PROBLEM DETAILS: Copy each line from the listing below where the word "IfcCoveringType" shows up.

RECORDS FOR THIS TASK:
= Beginning of Section =
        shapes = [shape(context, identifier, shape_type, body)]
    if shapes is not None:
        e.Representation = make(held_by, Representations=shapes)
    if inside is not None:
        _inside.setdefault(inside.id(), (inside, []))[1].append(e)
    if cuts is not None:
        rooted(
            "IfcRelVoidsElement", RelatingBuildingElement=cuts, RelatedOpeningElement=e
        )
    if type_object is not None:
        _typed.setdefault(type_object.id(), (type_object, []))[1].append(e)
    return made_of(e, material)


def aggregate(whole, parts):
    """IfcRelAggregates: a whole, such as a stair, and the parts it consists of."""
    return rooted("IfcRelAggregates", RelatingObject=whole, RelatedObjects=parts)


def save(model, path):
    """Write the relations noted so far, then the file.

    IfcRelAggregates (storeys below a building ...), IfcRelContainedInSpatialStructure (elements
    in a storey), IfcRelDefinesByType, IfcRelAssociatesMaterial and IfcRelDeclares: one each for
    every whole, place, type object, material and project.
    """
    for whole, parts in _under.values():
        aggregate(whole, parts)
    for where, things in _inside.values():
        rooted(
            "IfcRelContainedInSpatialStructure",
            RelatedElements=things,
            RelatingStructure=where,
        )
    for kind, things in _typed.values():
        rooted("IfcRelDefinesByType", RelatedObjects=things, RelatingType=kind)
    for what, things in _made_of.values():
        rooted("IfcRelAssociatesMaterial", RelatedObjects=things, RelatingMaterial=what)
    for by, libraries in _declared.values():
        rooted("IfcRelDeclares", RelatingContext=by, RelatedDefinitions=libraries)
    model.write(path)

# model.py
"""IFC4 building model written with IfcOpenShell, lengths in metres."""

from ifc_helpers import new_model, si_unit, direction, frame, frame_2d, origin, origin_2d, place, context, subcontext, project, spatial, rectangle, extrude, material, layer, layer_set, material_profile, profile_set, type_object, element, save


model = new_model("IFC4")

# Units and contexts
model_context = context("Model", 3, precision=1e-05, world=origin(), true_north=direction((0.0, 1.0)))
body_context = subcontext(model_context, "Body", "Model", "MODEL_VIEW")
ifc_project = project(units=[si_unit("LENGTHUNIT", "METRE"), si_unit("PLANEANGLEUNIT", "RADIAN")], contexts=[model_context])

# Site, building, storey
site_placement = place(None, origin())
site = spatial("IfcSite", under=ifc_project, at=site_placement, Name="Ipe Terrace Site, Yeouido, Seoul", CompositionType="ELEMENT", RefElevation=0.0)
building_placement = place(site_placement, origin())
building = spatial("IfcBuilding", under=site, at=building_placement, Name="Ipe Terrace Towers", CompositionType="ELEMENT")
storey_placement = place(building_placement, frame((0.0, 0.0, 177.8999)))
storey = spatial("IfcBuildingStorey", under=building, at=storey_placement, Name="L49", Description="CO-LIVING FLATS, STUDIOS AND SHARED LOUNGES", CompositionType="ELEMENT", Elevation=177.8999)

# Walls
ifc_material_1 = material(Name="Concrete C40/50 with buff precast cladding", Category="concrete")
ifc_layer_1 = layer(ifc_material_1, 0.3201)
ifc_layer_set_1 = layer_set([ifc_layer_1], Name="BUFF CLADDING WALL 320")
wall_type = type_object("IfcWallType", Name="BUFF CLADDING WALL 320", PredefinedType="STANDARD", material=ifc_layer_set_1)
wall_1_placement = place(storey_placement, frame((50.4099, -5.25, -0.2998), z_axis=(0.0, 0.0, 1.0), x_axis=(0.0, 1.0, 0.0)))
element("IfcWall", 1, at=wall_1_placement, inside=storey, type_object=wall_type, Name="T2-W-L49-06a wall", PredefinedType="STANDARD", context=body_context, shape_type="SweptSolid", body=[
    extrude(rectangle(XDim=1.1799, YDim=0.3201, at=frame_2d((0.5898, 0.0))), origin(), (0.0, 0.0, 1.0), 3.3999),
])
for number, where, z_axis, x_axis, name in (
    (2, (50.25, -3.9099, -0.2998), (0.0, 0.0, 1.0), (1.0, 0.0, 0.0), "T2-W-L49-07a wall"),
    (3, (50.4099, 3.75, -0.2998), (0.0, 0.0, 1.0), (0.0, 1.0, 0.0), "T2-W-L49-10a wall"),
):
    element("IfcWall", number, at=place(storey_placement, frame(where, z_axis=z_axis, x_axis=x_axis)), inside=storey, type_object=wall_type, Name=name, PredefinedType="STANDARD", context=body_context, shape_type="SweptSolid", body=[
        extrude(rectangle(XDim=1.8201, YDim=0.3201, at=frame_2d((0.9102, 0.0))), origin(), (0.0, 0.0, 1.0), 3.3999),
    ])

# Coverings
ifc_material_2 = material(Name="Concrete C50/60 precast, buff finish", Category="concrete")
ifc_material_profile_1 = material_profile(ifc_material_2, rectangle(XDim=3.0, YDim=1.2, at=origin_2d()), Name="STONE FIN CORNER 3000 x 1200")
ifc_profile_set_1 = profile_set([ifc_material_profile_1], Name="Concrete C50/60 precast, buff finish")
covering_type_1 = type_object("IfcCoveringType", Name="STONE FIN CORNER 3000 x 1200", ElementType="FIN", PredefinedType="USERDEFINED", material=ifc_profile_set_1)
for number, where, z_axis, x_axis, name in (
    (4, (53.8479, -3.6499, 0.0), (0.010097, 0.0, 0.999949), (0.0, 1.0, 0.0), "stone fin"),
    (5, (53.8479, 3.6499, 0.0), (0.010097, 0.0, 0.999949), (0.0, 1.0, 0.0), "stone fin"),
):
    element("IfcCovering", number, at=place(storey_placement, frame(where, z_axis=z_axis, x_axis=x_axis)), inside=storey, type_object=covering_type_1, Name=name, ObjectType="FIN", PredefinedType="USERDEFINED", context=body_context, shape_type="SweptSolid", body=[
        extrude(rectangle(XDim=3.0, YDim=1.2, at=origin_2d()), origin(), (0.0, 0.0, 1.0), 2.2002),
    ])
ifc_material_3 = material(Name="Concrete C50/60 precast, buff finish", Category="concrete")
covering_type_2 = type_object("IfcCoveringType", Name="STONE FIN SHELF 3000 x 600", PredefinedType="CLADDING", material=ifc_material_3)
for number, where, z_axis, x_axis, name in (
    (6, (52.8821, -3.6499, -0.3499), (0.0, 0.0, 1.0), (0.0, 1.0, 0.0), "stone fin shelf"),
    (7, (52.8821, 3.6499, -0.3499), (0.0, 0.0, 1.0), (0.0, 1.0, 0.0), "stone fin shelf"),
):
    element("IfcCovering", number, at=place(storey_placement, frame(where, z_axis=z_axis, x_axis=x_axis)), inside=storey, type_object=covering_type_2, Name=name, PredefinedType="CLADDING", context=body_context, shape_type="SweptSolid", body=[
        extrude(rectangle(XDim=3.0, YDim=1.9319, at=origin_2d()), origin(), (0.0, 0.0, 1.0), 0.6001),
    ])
= End of Section =
SOLUTION:
covering_type_1 = type_object("IfcCoveringType", Name="STONE FIN CORNER 3000 x 1200", ElementType="FIN", PredefinedType="USERDEFINED", material=ifc_profile_set_1)
covering_type_2 = type_object("IfcCoveringType", Name="STONE FIN SHELF 3000 x 600", PredefinedType="CLADDING", material=ifc_material_3)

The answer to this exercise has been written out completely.